Your goal: Return the opening lines of the material, word for word. End with the line that contains "frame((0.0, 0.0, 29.0)))".

--- Dataset records ---

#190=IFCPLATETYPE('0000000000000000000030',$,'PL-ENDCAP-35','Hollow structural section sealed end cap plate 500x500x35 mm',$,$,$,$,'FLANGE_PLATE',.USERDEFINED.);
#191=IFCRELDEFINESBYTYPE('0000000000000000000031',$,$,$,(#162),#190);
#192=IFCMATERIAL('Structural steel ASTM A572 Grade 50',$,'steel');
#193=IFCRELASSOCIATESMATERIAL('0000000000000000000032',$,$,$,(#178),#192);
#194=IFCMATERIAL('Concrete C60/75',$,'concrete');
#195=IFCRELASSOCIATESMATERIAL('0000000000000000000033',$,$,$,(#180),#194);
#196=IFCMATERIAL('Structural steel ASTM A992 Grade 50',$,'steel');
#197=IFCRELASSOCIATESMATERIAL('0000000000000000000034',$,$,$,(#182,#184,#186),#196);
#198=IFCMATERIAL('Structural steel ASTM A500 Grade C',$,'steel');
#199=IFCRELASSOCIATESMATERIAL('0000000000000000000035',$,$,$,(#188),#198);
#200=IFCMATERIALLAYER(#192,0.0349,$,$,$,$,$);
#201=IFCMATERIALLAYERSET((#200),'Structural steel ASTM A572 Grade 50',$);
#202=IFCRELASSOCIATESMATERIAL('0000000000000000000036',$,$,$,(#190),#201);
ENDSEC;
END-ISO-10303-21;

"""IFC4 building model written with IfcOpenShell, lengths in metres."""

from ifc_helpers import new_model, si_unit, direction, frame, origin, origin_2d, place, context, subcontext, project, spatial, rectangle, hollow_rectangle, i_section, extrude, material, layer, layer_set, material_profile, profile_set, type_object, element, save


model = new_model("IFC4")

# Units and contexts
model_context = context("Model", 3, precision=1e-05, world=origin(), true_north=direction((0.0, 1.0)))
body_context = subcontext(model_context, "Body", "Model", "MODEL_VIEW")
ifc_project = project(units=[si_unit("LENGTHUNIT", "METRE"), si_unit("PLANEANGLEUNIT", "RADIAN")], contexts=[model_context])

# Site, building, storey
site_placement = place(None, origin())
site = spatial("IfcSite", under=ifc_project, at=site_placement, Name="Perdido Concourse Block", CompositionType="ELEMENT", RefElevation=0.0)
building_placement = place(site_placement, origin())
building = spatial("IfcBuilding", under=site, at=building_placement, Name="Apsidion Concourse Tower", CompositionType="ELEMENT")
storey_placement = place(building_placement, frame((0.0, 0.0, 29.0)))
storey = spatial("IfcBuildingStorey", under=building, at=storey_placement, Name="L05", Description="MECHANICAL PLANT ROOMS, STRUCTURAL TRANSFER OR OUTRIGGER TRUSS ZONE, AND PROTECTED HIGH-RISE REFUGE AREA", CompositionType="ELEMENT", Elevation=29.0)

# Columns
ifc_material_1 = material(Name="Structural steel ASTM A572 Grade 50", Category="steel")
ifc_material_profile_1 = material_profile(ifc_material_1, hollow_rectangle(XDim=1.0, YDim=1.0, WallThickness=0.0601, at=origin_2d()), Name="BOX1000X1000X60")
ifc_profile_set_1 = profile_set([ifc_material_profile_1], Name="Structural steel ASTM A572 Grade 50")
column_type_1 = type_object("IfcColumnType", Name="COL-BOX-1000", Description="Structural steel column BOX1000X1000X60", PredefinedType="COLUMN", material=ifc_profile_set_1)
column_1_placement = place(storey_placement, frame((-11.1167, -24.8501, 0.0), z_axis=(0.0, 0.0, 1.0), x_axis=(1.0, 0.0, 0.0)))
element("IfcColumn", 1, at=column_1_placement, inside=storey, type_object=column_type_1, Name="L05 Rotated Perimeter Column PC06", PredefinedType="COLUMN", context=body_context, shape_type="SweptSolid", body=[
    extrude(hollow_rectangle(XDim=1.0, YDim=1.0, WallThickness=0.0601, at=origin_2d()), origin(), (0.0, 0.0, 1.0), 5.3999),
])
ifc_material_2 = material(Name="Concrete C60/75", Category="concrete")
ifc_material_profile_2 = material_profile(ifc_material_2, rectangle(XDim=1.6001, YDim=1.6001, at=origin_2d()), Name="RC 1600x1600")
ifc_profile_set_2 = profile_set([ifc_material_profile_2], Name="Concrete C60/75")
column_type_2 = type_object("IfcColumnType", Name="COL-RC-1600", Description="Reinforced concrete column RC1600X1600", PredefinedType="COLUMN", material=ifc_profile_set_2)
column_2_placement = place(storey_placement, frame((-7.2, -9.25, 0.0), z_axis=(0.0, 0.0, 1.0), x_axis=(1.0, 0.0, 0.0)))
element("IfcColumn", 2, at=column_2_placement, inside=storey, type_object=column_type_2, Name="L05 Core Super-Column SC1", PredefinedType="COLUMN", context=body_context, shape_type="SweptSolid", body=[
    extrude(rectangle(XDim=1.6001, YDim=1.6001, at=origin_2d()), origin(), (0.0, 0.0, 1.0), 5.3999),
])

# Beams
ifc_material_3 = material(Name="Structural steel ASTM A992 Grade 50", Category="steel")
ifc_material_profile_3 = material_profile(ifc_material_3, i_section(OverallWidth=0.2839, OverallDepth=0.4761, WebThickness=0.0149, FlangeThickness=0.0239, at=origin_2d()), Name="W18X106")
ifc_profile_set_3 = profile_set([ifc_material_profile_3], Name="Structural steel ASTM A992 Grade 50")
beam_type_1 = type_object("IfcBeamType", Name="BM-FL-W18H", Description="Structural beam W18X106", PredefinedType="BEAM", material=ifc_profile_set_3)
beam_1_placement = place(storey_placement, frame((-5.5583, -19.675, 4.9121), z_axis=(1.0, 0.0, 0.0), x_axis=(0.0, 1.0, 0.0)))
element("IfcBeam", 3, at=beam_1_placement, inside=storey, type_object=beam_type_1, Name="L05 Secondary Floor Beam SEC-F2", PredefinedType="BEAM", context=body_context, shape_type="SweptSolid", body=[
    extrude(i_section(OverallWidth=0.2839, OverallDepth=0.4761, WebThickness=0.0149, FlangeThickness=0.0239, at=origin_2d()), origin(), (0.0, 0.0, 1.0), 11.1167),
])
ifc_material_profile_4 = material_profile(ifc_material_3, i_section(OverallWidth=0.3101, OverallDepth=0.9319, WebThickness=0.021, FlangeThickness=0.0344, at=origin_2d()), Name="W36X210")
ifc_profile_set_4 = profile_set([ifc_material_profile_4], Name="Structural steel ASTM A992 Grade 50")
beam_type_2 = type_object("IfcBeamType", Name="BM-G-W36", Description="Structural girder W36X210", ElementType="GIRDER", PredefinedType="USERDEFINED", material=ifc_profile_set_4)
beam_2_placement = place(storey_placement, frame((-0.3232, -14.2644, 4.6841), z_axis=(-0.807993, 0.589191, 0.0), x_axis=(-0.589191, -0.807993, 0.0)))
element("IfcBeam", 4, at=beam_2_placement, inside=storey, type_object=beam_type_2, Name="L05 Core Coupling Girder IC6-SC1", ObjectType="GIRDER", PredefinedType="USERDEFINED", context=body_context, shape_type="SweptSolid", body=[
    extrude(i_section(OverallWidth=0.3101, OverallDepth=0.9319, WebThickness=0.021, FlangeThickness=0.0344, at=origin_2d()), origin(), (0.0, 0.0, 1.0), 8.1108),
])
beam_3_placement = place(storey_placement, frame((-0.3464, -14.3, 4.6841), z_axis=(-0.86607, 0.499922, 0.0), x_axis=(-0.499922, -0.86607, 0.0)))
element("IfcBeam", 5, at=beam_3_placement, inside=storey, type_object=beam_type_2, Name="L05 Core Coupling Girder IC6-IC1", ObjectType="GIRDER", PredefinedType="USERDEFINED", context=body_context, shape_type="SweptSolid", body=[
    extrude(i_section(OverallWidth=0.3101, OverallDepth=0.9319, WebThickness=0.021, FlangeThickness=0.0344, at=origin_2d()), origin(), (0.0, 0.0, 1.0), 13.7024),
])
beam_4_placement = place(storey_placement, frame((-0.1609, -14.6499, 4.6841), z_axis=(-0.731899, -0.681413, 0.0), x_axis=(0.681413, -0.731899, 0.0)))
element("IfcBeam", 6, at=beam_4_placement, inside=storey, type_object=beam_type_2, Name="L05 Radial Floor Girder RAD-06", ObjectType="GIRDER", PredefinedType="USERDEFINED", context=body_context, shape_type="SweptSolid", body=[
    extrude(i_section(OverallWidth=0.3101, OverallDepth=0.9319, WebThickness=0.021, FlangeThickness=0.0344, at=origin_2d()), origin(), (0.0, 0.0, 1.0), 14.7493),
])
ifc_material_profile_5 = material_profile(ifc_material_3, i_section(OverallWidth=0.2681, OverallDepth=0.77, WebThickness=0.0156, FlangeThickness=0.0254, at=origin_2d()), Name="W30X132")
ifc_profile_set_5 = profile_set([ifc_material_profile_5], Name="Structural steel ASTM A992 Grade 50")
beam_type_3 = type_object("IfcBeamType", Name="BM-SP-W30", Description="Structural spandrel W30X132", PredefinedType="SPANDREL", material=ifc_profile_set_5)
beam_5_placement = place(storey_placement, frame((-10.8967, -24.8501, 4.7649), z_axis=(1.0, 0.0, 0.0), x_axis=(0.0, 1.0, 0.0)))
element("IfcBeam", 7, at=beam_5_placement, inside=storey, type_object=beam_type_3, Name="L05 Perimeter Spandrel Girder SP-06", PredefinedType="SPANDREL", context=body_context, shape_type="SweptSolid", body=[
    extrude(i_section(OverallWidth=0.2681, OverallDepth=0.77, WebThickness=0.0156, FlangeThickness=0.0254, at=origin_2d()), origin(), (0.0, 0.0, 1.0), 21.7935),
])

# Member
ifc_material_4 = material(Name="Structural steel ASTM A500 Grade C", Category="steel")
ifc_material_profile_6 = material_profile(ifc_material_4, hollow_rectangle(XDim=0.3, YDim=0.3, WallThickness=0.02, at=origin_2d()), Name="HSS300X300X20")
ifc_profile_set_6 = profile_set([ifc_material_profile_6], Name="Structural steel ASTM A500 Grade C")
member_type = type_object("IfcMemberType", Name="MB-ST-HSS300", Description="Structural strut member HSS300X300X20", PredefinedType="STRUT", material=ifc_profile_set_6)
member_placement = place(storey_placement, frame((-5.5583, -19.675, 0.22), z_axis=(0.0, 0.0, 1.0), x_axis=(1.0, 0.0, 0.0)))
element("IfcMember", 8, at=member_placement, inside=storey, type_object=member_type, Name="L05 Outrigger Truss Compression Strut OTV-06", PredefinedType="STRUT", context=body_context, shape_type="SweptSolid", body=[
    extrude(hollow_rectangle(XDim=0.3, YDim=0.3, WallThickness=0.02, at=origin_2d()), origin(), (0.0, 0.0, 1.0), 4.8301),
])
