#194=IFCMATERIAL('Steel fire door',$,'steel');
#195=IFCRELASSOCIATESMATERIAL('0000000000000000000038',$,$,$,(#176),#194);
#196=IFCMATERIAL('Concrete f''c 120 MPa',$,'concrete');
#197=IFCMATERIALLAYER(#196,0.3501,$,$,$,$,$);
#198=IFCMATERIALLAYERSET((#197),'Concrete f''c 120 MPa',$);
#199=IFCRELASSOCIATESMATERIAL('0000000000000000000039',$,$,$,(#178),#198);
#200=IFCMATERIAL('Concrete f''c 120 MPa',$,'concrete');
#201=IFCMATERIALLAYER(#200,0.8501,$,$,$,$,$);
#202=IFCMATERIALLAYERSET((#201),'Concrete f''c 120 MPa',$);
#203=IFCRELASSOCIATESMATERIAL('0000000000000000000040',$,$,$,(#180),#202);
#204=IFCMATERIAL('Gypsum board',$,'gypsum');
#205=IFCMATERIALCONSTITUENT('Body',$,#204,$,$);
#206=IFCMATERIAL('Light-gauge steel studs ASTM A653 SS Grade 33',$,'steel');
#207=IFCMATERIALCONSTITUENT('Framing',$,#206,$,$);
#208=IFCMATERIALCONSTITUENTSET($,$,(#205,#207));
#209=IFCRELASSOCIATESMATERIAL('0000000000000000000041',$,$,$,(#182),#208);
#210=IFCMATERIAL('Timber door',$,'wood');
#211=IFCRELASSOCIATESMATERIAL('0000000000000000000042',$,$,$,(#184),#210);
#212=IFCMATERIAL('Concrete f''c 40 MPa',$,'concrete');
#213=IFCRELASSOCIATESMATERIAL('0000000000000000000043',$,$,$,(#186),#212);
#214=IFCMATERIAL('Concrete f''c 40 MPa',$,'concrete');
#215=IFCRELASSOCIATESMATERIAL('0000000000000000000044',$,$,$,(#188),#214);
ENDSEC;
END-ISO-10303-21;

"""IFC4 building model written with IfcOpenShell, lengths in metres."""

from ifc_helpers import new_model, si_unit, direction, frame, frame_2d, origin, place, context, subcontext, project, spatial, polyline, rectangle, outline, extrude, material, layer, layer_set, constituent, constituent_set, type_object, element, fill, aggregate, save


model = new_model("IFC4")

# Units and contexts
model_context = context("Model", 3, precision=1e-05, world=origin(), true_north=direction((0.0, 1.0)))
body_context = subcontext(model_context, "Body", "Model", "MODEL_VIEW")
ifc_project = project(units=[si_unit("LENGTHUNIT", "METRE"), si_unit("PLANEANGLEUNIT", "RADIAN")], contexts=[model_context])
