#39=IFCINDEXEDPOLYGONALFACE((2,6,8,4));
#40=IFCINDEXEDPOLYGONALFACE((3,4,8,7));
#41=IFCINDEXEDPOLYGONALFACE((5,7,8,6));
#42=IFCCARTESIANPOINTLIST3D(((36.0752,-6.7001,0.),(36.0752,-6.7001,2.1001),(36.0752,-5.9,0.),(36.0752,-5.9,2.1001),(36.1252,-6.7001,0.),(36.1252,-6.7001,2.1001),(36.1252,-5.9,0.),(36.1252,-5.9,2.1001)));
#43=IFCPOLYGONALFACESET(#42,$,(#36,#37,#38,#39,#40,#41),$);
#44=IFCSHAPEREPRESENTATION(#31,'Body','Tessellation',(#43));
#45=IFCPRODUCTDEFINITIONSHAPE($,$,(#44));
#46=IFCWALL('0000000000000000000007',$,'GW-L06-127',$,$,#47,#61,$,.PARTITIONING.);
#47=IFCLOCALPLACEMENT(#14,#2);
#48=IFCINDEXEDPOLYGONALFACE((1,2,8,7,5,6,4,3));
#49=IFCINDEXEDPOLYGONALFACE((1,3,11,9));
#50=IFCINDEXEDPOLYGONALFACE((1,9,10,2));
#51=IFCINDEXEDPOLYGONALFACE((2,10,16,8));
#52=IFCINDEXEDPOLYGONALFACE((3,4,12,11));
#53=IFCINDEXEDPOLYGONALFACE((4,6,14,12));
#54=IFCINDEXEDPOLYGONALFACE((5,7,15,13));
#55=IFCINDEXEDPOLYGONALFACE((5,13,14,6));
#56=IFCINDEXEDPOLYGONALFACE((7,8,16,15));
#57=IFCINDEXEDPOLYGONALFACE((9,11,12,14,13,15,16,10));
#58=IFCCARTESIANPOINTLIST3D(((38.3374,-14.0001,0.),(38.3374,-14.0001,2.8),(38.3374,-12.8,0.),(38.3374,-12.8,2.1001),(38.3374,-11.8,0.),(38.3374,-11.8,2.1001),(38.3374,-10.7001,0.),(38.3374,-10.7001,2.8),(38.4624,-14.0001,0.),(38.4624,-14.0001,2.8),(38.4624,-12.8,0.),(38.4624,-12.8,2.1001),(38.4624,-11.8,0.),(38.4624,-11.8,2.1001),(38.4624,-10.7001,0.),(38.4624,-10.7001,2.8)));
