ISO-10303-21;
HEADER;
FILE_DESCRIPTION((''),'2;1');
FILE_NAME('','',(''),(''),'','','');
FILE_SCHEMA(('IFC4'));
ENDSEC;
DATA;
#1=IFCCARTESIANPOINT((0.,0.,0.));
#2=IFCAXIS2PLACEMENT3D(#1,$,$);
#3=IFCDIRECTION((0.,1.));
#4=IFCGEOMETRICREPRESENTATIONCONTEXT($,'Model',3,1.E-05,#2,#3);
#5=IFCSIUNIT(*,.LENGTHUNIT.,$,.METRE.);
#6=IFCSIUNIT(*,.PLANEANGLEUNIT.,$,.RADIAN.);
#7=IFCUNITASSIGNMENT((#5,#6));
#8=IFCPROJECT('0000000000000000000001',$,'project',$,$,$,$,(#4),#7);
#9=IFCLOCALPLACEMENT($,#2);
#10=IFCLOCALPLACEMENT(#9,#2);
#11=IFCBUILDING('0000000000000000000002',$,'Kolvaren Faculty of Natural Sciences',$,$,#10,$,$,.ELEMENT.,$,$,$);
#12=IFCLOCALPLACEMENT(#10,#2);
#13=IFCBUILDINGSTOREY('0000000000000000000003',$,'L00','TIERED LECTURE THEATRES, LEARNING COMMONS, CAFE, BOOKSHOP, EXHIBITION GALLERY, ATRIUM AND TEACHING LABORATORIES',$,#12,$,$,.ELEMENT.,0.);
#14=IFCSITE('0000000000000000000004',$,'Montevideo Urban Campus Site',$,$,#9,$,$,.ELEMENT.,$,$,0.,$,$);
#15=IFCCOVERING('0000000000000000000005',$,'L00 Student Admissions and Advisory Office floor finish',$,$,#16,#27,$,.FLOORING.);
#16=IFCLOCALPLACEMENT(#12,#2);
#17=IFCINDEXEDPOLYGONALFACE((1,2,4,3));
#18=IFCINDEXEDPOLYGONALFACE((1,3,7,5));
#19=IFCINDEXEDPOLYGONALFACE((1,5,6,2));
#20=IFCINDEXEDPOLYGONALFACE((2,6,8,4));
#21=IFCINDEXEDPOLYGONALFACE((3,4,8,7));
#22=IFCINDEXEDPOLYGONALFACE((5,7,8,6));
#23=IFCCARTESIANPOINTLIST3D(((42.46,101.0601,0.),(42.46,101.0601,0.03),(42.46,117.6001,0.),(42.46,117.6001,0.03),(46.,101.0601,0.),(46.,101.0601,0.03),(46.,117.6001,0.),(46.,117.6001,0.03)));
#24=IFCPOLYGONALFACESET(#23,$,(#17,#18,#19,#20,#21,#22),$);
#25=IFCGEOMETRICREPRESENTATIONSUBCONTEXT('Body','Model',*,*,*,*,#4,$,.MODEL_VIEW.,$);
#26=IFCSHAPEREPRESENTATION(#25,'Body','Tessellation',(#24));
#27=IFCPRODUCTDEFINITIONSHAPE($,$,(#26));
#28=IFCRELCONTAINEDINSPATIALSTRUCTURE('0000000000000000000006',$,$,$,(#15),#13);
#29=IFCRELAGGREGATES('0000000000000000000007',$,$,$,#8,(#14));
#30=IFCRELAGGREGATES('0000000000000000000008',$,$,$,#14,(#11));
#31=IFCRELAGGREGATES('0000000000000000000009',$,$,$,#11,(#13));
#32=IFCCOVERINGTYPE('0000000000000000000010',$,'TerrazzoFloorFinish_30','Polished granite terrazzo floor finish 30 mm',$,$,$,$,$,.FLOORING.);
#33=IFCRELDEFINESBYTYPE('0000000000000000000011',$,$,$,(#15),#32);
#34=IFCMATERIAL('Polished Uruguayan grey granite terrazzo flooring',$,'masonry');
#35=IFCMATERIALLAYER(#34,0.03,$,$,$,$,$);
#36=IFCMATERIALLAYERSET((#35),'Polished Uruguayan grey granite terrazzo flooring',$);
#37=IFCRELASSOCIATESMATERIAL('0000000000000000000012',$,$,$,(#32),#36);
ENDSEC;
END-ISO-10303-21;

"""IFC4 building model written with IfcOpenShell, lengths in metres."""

from ifc_helpers import new_model, si_unit, direction, origin, place, context, subcontext, project, spatial, polyline, outline, extrude, material, layer, layer_set, type_object, element, save


model = new_model("IFC4")

# Units and contexts
model_context = context("Model", 3, precision=1e-05, world=origin(), true_north=direction((0.0, 1.0)))
body_context = subcontext(model_context, "Body", "Model", "MODEL_VIEW")
ifc_project = project(units=[si_unit("LENGTHUNIT", "METRE"), si_unit("PLANEANGLEUNIT", "RADIAN")], contexts=[model_context])

# Site, building, storey
site_placement = place(None, origin())
site = spatial("IfcSite", under=ifc_project, at=site_placement, Name="Montevideo Urban Campus Site", CompositionType="ELEMENT", RefElevation=0.0)
building_placement = place(site_placement, origin())
building = spatial("IfcBuilding", under=site, at=building_placement, Name="Kolvaren Faculty of Natural Sciences", CompositionType="ELEMENT")
storey_placement = place(building_placement, origin())
storey = spatial("IfcBuildingStorey", under=building, at=storey_placement, Name="L00", Description="TIERED LECTURE THEATRES, LEARNING COMMONS, CAFE, BOOKSHOP, EXHIBITION GALLERY, ATRIUM AND TEACHING LABORATORIES", CompositionType="ELEMENT", Elevation=0.0)

# Covering
ifc_material_1 = material(Name="Polished Uruguayan grey granite terrazzo flooring", Category="masonry")
ifc_layer_1 = layer(ifc_material_1, 0.03)
ifc_layer_set_1 = layer_set([ifc_layer_1], Name="Polished Uruguayan grey granite terrazzo flooring")
covering_type = type_object("IfcCoveringType", Name="TerrazzoFloorFinish_30", Description="Polished granite terrazzo floor finish 30 mm", PredefinedType="FLOORING", material=ifc_layer_set_1)
covering_1_placement = place(storey_placement, origin())
element("IfcCovering", 1, at=covering_1_placement, inside=storey, type_object=covering_type, Name="L00 Student Admissions and Advisory Office floor finish", PredefinedType="FLOORING", context=body_context, shape_type="SweptSolid", body=[
    extrude(outline(polyline([(46.0, 117.6001), (46.0, 101.0601), (42.46, 101.0601), (42.46, 117.6001), (46.0, 117.6001)])), origin(), (0.0, 0.0, 1.0), 0.03),
])

save(model, "model.ifc")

---

Output of the task:
#190=IFCPLATETYPE('0000000000000000000030',$,'PL-ENDCAP-35','Hollow structural section sealed end cap plate 500x500x35 mm',$,$,$,$,'FLANGE_PLATE',.USERDEFINED.);
#191=IFCRELDEFINESBYTYPE('0000000000000000000031',$,$,$,(#162),#190);
#192=IFCMATERIAL('Structural steel ASTM A572 Grade 50',$,'steel');
#193=IFCRELASSOCIATESMATERIAL('0000000000000000000032',$,$,$,(#178),#192);
#194=IFCMATERIAL('Concrete C60/75',$,'concrete');
#195=IFCRELASSOCIATESMATERIAL('0000000000000000000033',$,$,$,(#180),#194);
#196=IFCMATERIAL('Structural steel ASTM A992 Grade 50',$,'steel');
#197=IFCRELASSOCIATESMATERIAL('0000000000000000000034',$,$,$,(#182,#184,#186),#196);
#198=IFCMATERIAL('Structural steel ASTM A500 Grade C',$,'steel');
#199=IFCRELASSOCIATESMATERIAL('0000000000000000000035',$,$,$,(#188),#198);
#200=IFCMATERIALLAYER(#192,0.0349,$,$,$,$,$);
#201=IFCMATERIALLAYERSET((#200),'Structural steel ASTM A572 Grade 50',$);
#202=IFCRELASSOCIATESMATERIAL('0000000000000000000036',$,$,$,(#190),#201);
ENDSEC;
END-ISO-10303-21;

"""IFC4 building model written with IfcOpenShell, lengths in metres."""

from ifc_helpers import new_model, si_unit, direction, frame, origin, origin_2d, place, context, subcontext, project, spatial, rectangle, hollow_rectangle, i_section, extrude, material, layer, layer_set, material_profile, profile_set, type_object, element, save


model = new_model("IFC4")

# Units and contexts
model_context = context("Model", 3, precision=1e-05, world=origin(), true_north=direction((0.0, 1.0)))
body_context = subcontext(model_context, "Body", "Model", "MODEL_VIEW")
ifc_project = project(units=[si_unit("LENGTHUNIT", "METRE"), si_unit("PLANEANGLEUNIT", "RADIAN")], contexts=[model_context])

# Site, building, storey
site_placement = place(None, origin())
site = spatial("IfcSite", under=ifc_project, at=site_placement, Name="Perdido Concourse Block", CompositionType="ELEMENT", RefElevation=0.0)
building_placement = place(site_placement, origin())
building = spatial("IfcBuilding", under=site, at=building_placement, Name="Apsidion Concourse Tower", CompositionType="ELEMENT")
storey_placement = place(building_placement, frame((0.0, 0.0, 29.0)))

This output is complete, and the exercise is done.